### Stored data
*****
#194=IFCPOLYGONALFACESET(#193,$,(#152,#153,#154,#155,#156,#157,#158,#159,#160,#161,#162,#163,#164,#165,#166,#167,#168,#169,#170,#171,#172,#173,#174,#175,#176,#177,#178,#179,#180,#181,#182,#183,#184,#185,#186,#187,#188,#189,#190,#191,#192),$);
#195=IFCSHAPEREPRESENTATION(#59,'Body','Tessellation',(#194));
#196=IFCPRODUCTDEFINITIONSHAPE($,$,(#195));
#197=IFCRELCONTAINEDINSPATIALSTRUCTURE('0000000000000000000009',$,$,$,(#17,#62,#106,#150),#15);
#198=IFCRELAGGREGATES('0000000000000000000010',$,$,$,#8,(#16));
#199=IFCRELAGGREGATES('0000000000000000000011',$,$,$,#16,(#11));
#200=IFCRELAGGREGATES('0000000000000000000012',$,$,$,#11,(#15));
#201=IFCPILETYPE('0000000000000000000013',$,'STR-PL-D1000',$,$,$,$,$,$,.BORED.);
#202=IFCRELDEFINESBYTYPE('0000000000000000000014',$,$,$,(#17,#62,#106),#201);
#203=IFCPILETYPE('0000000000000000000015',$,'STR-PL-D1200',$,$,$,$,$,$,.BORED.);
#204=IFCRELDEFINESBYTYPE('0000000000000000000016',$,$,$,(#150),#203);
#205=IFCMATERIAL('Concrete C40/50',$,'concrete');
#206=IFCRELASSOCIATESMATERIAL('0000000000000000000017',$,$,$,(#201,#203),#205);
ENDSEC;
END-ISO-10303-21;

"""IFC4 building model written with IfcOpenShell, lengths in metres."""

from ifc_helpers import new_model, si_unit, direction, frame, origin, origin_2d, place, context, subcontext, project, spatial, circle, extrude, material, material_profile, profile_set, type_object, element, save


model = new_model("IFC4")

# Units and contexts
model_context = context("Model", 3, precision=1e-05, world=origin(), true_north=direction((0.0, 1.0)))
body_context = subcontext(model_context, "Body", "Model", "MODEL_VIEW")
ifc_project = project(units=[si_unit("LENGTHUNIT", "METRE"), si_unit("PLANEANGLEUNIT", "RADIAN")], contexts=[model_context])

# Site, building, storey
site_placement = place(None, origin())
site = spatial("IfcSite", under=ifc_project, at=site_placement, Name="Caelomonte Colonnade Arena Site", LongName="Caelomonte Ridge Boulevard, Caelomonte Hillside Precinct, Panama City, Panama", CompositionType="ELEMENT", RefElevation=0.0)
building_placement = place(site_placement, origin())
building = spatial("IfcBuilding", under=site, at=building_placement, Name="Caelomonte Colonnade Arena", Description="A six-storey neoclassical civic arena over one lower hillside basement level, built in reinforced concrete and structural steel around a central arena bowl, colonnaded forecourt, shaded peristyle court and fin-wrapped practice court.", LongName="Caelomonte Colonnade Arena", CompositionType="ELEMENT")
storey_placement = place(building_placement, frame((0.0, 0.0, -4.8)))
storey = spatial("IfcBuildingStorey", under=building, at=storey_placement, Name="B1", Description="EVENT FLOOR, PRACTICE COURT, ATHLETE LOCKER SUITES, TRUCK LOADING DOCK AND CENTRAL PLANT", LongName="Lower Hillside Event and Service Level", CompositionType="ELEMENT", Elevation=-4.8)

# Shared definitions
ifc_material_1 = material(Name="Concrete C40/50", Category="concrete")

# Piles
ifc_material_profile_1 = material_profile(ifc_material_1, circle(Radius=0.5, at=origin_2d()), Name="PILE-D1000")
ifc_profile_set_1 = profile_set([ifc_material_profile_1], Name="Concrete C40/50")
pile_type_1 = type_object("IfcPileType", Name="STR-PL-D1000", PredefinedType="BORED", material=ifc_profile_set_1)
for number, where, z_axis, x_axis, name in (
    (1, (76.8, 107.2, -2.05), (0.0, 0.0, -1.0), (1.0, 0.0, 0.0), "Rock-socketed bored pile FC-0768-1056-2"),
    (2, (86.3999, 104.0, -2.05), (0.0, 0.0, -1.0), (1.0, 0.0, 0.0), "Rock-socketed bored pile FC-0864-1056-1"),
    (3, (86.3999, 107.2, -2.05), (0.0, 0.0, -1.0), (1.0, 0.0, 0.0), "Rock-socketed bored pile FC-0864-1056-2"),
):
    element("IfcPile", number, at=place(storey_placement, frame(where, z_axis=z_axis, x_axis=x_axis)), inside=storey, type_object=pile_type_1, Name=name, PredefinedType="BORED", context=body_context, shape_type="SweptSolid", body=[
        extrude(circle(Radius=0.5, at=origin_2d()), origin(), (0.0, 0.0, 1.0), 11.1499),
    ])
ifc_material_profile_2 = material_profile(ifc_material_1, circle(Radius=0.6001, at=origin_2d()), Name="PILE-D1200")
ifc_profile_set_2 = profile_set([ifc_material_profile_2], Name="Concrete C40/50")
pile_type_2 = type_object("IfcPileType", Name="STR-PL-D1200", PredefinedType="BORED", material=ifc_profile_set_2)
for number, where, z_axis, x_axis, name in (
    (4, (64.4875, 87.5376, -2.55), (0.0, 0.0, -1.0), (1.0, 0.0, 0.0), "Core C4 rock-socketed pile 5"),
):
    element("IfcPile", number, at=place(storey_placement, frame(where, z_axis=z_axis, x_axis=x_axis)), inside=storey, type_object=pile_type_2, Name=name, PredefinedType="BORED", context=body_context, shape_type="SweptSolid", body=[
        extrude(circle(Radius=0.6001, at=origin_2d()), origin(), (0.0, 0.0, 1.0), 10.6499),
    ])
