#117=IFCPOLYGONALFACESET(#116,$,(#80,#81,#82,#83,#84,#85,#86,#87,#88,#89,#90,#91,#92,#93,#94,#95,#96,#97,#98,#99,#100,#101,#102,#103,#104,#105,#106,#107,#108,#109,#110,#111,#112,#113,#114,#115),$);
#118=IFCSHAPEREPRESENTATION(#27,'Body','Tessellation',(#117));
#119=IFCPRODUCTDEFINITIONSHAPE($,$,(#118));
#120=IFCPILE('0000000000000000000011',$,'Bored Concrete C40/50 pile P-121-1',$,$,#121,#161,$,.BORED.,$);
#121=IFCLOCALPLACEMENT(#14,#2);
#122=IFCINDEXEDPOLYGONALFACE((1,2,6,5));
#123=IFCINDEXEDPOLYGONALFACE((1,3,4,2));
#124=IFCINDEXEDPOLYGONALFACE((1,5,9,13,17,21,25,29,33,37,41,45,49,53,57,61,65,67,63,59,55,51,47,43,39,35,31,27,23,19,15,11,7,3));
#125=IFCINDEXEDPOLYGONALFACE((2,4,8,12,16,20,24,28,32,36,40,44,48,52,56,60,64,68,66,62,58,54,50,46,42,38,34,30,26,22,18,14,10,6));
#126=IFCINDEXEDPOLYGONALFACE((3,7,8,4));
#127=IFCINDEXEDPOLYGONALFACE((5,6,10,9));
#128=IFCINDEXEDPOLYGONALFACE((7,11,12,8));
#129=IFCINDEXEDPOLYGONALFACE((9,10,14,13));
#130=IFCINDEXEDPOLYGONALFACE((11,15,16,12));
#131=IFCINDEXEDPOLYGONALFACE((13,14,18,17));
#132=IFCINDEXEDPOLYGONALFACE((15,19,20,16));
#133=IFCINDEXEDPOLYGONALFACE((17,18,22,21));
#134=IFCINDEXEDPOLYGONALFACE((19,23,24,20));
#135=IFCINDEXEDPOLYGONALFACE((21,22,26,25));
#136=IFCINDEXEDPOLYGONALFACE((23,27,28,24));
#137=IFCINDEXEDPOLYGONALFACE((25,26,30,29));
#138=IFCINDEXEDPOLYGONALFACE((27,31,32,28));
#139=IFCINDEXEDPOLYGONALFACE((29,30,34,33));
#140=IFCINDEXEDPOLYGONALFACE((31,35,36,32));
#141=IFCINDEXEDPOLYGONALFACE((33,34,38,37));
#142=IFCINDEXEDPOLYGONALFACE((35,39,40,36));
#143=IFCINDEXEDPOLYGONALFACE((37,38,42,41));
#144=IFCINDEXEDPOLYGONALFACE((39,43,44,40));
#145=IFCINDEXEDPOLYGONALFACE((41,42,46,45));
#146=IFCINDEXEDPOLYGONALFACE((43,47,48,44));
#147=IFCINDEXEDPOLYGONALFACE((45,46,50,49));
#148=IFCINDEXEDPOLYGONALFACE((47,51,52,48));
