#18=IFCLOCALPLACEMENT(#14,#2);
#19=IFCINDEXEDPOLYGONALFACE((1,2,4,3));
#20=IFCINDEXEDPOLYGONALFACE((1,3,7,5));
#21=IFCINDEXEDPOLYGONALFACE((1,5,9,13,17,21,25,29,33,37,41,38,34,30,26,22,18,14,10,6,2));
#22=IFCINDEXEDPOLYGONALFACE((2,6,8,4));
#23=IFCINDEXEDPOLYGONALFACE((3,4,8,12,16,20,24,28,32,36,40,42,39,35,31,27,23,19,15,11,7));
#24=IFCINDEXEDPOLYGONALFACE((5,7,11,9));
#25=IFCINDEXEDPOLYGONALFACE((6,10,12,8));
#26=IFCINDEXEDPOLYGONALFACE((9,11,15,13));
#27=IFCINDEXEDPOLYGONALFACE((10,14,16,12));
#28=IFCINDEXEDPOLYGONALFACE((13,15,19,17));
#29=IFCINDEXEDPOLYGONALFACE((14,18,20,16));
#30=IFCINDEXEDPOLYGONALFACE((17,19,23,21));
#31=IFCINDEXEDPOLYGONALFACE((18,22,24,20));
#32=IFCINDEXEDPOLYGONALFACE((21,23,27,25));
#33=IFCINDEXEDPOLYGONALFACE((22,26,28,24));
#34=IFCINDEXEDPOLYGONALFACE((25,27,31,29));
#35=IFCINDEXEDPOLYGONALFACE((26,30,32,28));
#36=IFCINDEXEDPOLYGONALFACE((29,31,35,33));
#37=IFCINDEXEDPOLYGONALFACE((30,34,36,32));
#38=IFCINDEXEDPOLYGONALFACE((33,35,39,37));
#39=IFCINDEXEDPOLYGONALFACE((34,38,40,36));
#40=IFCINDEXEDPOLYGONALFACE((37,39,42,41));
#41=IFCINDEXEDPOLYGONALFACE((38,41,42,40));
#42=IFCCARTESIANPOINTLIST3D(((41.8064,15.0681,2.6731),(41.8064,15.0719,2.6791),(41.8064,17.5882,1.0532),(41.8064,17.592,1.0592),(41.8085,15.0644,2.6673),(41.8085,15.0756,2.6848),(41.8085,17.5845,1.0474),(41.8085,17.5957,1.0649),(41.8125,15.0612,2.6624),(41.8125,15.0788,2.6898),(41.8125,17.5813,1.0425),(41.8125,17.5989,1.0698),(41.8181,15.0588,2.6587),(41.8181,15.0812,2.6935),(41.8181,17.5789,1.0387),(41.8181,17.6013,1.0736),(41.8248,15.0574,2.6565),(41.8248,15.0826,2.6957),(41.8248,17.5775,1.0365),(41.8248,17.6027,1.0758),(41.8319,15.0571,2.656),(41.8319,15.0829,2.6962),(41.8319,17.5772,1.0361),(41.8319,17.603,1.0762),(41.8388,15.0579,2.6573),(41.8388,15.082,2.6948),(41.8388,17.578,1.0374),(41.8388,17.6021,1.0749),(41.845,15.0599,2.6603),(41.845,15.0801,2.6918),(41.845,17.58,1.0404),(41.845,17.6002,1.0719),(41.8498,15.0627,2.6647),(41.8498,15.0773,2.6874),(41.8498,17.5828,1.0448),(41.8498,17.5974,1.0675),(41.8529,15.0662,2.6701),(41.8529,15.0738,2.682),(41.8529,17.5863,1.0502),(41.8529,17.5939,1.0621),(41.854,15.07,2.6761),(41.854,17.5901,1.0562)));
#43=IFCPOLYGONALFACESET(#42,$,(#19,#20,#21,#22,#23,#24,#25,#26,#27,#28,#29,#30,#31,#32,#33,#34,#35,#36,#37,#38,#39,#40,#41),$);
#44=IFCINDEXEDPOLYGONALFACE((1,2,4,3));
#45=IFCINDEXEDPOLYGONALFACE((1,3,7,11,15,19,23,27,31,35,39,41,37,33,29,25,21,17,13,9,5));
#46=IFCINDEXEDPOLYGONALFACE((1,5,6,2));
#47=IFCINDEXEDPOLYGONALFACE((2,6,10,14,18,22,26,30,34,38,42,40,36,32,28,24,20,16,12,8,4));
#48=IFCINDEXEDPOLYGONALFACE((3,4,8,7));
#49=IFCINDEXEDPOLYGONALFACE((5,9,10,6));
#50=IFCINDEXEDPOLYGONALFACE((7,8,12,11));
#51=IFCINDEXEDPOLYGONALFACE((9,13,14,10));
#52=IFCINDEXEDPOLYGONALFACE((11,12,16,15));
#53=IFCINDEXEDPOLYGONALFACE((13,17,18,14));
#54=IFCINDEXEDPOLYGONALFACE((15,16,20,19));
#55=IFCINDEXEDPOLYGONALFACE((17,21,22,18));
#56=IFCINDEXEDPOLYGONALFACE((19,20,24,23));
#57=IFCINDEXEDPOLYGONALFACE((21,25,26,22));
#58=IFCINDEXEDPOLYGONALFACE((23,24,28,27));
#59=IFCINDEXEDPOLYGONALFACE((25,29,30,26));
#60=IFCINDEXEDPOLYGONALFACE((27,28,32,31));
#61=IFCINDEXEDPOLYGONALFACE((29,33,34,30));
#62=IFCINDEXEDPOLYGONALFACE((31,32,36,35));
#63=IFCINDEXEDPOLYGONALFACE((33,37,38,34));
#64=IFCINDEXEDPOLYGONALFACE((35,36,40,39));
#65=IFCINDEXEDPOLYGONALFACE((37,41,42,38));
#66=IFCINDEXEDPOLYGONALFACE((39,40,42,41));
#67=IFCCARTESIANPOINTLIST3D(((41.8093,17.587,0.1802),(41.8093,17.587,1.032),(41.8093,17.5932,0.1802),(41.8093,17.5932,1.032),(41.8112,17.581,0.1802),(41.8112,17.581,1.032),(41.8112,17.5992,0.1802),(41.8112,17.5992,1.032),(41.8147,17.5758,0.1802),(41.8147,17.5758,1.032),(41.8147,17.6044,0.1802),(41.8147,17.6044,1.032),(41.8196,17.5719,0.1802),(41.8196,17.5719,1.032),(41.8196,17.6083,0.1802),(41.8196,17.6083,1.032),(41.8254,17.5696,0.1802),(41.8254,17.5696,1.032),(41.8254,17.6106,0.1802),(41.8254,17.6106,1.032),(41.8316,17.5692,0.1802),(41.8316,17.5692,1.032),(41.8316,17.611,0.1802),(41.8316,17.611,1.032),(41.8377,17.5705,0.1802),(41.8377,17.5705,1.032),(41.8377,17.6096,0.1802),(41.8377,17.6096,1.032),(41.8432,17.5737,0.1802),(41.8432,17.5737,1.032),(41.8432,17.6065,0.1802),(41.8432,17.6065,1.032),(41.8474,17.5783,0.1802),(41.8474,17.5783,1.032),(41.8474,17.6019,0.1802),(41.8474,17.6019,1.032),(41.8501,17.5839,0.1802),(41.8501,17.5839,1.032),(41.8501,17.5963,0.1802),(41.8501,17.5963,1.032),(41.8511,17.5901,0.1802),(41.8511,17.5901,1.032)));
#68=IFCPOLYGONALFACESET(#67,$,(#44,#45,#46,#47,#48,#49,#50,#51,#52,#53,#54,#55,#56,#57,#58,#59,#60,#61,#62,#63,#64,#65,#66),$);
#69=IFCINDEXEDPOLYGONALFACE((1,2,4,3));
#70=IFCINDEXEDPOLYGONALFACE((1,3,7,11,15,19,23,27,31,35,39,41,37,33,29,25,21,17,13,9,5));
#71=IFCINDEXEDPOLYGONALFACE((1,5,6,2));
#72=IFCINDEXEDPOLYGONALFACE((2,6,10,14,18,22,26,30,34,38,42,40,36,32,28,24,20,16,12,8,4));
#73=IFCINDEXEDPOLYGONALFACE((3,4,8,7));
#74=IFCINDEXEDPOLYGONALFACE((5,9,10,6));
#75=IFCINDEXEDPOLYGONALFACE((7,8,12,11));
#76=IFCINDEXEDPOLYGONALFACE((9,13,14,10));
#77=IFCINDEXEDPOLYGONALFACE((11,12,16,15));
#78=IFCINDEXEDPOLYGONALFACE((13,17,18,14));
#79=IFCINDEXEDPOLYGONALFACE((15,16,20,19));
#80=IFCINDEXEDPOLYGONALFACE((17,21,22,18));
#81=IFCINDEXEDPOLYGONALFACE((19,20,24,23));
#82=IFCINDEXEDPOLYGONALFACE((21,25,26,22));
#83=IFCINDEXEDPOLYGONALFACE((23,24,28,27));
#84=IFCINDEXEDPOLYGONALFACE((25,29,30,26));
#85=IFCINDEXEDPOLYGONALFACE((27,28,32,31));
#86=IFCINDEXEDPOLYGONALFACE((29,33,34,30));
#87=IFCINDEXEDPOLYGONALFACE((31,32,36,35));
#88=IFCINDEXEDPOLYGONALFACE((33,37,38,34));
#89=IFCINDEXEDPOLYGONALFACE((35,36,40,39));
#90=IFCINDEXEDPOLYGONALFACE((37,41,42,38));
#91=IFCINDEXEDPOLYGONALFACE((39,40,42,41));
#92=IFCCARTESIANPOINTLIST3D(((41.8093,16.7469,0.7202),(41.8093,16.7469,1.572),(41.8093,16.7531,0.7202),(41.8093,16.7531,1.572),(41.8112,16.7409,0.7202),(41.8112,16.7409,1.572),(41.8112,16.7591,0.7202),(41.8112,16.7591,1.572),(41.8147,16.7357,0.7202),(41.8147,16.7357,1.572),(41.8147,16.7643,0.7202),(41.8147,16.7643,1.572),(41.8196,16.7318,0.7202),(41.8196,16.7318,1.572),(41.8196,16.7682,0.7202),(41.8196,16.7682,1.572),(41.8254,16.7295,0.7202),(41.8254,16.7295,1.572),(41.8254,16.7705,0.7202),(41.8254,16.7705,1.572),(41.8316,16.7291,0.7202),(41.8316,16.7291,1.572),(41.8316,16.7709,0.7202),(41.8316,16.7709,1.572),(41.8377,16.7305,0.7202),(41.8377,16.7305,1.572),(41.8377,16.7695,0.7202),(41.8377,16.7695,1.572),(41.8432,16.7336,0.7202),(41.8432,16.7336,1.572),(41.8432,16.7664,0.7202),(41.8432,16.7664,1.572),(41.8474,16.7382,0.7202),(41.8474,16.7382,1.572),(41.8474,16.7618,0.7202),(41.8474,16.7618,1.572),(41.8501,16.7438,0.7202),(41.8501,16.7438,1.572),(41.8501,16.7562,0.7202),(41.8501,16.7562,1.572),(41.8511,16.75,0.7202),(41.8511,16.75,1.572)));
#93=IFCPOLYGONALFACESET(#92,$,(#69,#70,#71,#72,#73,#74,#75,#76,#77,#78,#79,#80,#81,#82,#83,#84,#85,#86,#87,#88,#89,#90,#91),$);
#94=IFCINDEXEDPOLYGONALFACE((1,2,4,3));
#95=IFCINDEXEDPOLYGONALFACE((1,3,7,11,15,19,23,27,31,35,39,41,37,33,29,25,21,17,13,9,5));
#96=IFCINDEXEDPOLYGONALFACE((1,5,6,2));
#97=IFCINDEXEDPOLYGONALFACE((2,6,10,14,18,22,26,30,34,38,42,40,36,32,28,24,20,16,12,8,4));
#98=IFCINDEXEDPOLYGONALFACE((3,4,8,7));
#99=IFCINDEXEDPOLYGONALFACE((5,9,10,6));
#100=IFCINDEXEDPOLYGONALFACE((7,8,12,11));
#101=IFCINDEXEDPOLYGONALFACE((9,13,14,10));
*****
### Work to be completed
The word is "direction". Copy every line above where it appears.

### Solution
from ifc_helpers import new_model, si_unit, direction, frame, origin, origin_2d, place, context, subcontext, project, spatial, circle, extrude, material, material_profile, profile_set, type_object, element, save
model_context = context("Model", 3, precision=1e-05, world=origin(), true_north=direction((0.0, 1.0)))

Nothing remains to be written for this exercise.